▸ ABOUT THIS TASK: Please retype only the lines below that run from the one containing "#168=IFCINDEXEDPOLYGONALFACE((3,4,8,7));" through the last line, both included, without altering a word.

Stored data entries:
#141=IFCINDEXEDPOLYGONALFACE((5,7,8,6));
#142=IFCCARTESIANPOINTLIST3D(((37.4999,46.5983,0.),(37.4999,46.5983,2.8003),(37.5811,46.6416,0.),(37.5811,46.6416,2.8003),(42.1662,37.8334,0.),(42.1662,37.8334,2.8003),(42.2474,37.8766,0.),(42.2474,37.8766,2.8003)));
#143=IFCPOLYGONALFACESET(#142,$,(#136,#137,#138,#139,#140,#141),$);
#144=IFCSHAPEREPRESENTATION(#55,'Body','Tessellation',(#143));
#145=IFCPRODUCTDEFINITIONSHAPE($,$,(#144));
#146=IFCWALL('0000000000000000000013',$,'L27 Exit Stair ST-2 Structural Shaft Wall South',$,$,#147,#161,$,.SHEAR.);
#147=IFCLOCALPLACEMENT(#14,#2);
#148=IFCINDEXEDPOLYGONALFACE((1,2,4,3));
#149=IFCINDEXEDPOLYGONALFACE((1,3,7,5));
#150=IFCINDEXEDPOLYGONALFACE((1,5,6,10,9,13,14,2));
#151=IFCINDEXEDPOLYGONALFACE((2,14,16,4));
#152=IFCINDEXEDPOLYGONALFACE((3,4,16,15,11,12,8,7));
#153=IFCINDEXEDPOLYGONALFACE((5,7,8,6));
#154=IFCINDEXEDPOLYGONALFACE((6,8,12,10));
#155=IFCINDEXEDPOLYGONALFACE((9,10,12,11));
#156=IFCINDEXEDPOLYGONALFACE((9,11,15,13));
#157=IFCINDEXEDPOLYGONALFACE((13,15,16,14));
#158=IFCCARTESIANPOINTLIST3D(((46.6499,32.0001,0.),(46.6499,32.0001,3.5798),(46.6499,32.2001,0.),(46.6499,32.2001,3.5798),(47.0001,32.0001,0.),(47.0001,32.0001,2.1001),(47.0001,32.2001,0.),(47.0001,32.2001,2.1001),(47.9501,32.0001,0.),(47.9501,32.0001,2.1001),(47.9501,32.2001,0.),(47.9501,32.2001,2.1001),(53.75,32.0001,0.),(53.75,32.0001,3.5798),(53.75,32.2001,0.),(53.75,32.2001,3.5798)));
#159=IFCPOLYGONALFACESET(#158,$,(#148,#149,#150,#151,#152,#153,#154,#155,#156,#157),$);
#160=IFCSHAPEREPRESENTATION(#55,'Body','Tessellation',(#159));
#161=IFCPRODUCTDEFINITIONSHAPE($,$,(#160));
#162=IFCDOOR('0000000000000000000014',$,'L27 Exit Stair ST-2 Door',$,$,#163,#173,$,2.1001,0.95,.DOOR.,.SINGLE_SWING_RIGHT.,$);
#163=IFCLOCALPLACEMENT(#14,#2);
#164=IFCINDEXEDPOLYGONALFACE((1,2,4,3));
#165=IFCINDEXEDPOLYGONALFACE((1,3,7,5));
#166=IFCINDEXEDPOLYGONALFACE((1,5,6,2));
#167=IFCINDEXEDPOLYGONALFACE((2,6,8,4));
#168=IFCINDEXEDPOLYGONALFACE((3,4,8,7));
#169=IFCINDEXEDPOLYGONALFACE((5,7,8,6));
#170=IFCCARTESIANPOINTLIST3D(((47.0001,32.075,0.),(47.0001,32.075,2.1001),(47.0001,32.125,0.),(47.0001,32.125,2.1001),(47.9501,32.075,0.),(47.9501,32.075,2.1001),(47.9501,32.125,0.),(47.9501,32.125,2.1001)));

▸ WRITTEN RESPONSE:
#168=IFCINDEXEDPOLYGONALFACE((3,4,8,7));
#169=IFCINDEXEDPOLYGONALFACE((5,7,8,6));
#170=IFCCARTESIANPOINTLIST3D(((47.0001,32.075,0.),(47.0001,32.075,2.1001),(47.0001,32.125,0.),(47.0001,32.125,2.1001),(47.9501,32.075,0.),(47.9501,32.075,2.1001),(47.9501,32.125,0.),(47.9501,32.125,2.1001)));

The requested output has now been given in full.